== Task data ==
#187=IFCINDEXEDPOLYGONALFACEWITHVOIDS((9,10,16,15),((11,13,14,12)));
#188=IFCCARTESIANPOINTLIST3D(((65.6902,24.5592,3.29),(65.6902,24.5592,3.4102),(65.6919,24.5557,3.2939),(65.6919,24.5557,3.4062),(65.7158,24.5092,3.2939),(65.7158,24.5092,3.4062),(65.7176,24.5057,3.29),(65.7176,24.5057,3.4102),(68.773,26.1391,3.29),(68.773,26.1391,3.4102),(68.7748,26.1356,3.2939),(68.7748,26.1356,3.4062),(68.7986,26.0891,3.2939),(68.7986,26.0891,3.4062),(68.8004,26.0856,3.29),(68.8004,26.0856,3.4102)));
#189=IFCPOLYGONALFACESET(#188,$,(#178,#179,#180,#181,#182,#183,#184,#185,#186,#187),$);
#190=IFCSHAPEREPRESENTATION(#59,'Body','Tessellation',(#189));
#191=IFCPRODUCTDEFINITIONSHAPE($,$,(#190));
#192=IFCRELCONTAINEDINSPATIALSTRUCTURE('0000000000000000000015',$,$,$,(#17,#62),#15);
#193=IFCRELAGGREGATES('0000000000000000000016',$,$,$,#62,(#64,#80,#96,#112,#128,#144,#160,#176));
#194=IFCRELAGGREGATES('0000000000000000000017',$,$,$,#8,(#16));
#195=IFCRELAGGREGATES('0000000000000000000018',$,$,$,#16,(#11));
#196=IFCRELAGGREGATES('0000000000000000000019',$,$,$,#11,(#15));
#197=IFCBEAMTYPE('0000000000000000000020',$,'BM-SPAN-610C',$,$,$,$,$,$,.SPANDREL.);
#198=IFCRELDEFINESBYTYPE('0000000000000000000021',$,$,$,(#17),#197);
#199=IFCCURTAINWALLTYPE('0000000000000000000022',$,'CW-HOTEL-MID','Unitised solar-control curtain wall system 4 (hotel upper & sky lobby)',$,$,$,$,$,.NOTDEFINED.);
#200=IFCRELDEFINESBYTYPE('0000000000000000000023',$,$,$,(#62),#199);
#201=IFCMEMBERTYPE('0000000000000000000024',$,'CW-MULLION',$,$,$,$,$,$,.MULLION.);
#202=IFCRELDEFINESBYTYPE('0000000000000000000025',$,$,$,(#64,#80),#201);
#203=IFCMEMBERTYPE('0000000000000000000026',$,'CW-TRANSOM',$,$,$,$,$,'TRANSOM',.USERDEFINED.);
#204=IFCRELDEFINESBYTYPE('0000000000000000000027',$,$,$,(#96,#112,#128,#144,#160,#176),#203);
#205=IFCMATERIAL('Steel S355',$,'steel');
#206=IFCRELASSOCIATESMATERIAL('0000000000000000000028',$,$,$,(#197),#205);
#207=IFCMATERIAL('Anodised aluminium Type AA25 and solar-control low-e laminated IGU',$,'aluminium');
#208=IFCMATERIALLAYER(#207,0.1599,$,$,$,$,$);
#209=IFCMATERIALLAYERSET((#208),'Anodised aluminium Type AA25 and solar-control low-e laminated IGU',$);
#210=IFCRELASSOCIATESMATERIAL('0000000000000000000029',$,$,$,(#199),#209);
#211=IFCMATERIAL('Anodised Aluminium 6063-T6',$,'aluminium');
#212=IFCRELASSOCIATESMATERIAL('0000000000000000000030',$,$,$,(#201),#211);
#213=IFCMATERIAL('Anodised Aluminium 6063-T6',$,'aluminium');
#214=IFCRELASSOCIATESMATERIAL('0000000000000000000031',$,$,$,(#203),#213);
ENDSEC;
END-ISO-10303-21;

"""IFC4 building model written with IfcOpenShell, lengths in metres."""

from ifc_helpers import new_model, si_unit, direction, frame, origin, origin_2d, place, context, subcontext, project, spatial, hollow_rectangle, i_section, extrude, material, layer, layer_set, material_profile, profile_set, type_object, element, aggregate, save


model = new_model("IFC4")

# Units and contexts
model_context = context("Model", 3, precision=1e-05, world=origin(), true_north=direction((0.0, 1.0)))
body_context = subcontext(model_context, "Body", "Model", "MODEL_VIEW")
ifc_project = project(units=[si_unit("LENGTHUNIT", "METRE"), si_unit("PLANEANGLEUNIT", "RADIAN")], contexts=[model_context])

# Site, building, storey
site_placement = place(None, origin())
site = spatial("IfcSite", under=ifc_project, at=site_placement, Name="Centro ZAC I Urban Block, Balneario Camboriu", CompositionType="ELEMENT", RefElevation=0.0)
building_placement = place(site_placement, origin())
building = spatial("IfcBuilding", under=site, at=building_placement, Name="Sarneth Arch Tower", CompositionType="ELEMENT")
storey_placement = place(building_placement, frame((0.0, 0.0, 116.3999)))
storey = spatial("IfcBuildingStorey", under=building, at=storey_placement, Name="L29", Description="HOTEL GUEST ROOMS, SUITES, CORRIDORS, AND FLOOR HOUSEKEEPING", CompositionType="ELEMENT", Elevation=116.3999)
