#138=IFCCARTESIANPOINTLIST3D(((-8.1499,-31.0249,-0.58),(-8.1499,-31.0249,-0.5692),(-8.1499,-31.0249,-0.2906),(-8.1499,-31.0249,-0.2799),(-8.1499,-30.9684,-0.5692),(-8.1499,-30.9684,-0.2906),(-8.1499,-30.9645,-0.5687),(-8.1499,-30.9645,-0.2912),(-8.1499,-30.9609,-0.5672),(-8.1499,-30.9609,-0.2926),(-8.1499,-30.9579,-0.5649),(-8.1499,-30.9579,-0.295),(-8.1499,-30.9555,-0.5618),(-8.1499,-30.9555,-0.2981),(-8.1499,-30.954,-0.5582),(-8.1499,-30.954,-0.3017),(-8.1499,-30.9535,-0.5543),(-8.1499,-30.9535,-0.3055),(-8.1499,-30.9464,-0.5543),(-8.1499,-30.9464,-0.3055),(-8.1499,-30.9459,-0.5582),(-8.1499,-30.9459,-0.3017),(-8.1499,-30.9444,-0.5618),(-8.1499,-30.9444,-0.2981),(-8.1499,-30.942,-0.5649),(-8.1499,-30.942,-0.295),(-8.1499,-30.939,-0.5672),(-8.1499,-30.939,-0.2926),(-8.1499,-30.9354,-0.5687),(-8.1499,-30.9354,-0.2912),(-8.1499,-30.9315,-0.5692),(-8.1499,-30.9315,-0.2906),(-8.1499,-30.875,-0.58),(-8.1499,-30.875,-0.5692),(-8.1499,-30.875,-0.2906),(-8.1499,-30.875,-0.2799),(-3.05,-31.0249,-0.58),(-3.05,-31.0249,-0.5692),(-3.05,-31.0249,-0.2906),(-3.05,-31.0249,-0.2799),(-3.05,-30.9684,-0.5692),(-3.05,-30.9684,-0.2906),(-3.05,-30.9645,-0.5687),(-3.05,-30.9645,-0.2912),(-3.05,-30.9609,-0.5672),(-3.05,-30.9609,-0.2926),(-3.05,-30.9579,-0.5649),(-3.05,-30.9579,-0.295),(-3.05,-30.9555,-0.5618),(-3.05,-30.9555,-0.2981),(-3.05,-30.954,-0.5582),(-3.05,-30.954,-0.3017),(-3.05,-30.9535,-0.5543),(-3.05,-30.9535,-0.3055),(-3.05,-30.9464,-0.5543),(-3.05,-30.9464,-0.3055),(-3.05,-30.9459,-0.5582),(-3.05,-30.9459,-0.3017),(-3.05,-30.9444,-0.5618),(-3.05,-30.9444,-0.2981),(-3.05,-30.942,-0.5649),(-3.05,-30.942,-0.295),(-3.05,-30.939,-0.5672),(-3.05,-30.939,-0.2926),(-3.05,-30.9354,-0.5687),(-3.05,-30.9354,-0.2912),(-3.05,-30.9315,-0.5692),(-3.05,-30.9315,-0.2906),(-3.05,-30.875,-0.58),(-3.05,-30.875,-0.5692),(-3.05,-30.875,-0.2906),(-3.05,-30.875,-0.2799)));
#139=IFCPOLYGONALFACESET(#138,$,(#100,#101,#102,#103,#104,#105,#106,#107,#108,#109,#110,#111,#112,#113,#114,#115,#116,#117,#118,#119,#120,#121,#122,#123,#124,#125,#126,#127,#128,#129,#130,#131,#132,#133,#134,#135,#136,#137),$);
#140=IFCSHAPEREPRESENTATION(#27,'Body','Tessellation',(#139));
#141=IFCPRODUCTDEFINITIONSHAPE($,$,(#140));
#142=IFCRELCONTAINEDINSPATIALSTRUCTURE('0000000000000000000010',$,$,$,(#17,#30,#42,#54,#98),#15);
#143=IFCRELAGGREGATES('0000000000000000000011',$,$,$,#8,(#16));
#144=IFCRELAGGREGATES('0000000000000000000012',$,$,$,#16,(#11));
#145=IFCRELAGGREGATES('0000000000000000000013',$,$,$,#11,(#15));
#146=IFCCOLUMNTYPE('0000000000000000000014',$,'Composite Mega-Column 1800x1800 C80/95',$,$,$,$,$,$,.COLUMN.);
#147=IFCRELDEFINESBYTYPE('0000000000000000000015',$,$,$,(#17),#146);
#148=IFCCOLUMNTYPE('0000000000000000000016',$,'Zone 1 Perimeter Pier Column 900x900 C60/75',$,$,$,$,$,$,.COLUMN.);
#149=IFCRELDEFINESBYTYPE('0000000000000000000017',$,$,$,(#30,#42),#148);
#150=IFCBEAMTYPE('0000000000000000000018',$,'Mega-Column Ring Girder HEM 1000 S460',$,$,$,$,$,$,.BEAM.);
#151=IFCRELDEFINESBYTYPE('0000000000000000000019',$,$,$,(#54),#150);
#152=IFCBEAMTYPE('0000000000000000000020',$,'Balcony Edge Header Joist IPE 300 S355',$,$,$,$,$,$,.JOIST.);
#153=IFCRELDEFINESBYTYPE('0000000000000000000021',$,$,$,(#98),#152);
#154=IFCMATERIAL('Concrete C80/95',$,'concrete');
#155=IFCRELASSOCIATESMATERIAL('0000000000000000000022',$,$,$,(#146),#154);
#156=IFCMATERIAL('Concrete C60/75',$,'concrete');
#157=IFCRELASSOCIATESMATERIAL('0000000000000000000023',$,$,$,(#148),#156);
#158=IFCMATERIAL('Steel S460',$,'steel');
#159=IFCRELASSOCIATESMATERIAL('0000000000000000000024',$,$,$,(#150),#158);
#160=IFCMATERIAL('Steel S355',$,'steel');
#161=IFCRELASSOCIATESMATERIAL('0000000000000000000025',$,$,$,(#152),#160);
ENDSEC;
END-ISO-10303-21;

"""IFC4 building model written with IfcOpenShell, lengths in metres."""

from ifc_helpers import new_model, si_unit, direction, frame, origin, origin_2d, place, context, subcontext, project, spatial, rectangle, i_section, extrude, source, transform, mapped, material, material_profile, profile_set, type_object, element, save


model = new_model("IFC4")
===
Whenever the string "direction" occurs in a line of the entries above, copy that line.

### Result
from ifc_helpers import new_model, si_unit, direction, frame, origin, origin_2d, place, context, subcontext, project, spatial, hollow_rectangle, i_section, extrude, material, layer, layer_set, material_profile, profile_set, type_object, element, aggregate, save
model_context = context("Model", 3, precision=1e-05, world=origin(), true_north=direction((0.0, 1.0)))
from ifc_helpers import new_model, si_unit, direction, frame, origin, origin_2d, place, context, subcontext, project, spatial, rectangle, i_section, extrude, source, transform, mapped, material, material_profile, profile_set, type_object, element, save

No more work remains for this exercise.